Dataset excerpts
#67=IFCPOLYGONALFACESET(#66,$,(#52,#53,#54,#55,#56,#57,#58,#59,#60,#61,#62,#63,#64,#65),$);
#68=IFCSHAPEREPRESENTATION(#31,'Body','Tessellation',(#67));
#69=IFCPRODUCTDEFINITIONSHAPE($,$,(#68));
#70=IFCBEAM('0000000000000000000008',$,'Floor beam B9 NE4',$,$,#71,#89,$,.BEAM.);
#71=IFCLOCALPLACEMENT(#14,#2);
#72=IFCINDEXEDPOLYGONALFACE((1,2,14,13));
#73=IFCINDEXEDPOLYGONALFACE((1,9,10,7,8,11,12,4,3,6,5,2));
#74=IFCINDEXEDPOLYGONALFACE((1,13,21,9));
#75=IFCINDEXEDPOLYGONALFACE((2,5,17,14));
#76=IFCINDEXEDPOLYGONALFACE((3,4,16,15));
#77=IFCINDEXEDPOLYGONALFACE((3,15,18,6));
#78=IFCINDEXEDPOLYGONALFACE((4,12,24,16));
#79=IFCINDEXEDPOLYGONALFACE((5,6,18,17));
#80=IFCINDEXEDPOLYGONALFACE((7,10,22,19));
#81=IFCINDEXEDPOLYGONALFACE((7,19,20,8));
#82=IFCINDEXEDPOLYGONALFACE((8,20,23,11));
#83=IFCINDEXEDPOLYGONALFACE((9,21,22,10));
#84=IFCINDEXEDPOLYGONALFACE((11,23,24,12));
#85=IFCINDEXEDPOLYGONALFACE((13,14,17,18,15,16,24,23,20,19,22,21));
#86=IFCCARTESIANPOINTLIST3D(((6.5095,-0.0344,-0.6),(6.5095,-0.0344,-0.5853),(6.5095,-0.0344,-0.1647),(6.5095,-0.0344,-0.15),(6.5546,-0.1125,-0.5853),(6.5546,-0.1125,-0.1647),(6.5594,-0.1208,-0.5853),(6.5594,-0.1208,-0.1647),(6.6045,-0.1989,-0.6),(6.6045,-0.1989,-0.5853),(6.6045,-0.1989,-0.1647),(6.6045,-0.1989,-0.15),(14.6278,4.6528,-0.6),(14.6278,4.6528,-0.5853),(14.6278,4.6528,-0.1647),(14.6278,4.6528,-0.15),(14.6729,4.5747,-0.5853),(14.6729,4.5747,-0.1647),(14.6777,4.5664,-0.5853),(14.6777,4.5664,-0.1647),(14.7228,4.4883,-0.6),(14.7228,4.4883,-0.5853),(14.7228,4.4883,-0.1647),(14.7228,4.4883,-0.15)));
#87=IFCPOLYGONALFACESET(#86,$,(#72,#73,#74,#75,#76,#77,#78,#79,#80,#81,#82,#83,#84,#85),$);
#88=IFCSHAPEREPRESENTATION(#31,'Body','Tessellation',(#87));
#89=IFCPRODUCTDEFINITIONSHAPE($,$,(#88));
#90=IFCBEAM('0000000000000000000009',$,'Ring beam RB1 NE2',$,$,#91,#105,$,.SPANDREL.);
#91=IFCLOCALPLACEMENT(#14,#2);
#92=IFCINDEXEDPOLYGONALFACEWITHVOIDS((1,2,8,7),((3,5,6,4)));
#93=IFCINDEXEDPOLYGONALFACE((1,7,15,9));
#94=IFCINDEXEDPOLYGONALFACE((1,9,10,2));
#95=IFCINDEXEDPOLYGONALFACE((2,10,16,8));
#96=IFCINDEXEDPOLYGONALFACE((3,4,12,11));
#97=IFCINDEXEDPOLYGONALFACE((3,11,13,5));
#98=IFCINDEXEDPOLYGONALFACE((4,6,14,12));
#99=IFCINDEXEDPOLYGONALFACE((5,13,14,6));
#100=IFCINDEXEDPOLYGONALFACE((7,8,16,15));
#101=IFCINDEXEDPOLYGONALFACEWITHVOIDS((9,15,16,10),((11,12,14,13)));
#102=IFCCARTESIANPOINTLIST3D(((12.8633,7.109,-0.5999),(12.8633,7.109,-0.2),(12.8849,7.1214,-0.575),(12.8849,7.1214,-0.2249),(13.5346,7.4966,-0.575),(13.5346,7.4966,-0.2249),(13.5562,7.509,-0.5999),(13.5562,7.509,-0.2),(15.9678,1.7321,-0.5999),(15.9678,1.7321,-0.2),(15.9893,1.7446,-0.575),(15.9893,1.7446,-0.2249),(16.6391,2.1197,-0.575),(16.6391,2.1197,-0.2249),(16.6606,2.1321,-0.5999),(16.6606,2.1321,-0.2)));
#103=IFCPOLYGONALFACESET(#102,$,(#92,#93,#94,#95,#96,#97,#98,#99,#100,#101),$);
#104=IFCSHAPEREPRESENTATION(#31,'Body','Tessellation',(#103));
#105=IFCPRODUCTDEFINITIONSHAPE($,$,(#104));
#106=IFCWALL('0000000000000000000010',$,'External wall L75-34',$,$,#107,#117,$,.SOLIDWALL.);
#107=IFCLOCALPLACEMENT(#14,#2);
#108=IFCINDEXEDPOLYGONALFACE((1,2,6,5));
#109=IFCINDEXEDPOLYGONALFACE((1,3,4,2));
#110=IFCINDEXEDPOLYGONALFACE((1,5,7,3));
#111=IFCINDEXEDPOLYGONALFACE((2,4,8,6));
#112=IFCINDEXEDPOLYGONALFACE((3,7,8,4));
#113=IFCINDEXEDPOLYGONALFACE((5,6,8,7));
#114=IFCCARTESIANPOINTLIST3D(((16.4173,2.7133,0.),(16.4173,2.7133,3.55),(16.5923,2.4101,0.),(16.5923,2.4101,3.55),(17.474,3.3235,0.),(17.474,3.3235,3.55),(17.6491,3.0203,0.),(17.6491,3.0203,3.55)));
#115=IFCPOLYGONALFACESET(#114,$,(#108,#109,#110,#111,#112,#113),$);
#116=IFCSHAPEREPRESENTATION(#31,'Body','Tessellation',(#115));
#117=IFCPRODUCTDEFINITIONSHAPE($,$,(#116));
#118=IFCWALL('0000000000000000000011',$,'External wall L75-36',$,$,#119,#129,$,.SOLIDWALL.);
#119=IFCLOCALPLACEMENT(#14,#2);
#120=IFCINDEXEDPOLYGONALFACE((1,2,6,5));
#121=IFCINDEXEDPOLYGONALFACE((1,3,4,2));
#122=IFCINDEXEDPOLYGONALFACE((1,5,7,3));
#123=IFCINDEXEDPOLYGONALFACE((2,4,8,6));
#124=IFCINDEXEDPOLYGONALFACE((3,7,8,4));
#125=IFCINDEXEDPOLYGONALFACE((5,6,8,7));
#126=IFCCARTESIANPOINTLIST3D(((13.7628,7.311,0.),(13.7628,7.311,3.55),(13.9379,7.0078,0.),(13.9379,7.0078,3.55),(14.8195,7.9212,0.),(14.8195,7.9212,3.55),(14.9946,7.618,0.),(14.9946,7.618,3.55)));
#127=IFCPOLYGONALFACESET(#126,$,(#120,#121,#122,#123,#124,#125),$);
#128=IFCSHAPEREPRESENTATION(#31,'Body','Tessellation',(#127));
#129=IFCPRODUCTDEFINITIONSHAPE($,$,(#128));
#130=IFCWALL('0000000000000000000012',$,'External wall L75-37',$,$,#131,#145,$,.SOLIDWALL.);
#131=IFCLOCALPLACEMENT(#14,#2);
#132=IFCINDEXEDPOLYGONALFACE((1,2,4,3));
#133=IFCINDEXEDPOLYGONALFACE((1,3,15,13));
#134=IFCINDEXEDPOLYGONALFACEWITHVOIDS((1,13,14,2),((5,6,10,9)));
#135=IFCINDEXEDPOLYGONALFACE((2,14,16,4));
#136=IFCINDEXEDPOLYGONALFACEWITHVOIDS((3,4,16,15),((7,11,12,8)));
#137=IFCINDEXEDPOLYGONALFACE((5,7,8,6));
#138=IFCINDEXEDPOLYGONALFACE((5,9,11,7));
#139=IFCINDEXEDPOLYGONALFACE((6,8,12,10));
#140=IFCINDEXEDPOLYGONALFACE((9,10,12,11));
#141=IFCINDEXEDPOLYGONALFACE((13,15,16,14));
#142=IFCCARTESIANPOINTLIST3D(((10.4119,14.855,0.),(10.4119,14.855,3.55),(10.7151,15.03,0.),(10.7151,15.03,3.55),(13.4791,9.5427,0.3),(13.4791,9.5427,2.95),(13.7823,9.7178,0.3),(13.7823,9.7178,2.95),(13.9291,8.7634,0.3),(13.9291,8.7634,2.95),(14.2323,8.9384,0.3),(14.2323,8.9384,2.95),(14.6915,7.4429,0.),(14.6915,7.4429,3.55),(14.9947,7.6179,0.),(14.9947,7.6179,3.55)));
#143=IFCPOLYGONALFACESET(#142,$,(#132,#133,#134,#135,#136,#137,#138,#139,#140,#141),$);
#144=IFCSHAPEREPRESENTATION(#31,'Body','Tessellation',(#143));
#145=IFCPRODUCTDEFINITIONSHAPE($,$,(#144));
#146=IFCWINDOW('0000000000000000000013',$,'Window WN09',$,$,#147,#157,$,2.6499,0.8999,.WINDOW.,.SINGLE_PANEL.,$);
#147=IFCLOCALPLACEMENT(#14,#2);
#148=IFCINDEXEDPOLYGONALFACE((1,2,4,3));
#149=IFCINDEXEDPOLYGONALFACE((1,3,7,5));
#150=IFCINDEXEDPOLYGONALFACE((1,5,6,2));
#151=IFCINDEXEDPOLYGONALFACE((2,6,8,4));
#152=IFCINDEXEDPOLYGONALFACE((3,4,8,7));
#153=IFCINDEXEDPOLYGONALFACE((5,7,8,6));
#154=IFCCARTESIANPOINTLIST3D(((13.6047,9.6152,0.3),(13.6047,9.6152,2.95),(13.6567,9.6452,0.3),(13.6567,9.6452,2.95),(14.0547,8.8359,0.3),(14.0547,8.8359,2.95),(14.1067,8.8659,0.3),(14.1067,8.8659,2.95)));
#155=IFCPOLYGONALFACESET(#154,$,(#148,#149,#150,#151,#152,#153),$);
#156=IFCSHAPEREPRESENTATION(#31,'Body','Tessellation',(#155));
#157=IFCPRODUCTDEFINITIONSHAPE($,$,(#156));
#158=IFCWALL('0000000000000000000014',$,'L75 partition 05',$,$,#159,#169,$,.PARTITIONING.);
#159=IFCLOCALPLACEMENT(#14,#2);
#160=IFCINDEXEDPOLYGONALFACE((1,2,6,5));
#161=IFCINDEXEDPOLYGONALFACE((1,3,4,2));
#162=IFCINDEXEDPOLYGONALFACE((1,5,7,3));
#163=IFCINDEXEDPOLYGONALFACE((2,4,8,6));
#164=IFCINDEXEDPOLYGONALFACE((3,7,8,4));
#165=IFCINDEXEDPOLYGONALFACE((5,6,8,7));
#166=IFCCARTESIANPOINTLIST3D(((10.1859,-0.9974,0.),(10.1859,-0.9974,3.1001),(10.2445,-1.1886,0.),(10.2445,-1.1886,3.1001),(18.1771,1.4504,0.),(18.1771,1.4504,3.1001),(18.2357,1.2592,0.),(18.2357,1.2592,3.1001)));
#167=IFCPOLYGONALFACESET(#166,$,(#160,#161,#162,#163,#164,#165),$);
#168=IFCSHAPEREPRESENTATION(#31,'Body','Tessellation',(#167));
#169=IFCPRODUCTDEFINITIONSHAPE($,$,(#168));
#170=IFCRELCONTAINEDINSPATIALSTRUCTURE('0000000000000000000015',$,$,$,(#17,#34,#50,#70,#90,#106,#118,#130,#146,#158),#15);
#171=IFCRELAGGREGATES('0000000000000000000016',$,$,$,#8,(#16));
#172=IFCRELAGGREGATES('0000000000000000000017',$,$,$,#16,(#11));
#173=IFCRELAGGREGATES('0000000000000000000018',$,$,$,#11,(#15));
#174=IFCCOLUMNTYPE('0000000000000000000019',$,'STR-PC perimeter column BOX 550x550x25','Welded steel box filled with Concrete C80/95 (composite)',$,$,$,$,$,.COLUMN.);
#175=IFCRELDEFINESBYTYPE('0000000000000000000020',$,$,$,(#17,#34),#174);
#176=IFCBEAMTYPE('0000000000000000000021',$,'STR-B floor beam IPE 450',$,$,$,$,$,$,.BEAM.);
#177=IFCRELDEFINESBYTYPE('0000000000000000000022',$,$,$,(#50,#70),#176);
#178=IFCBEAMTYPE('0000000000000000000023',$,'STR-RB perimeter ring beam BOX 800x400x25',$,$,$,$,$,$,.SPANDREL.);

**ACTIVITY:** Each line from the start of the records through the line holding "#71=IFCLOCALPLACEMENT(#14,#2);" must be returned exactly; nothing else belongs in the answer.

**TASK SOLUTION:**
#67=IFCPOLYGONALFACESET(#66,$,(#52,#53,#54,#55,#56,#57,#58,#59,#60,#61,#62,#63,#64,#65),$);
#68=IFCSHAPEREPRESENTATION(#31,'Body','Tessellation',(#67));
#69=IFCPRODUCTDEFINITIONSHAPE($,$,(#68));
#70=IFCBEAM('0000000000000000000008',$,'Floor beam B9 NE4',$,$,#71,#89,$,.BEAM.);
#71=IFCLOCALPLACEMENT(#14,#2);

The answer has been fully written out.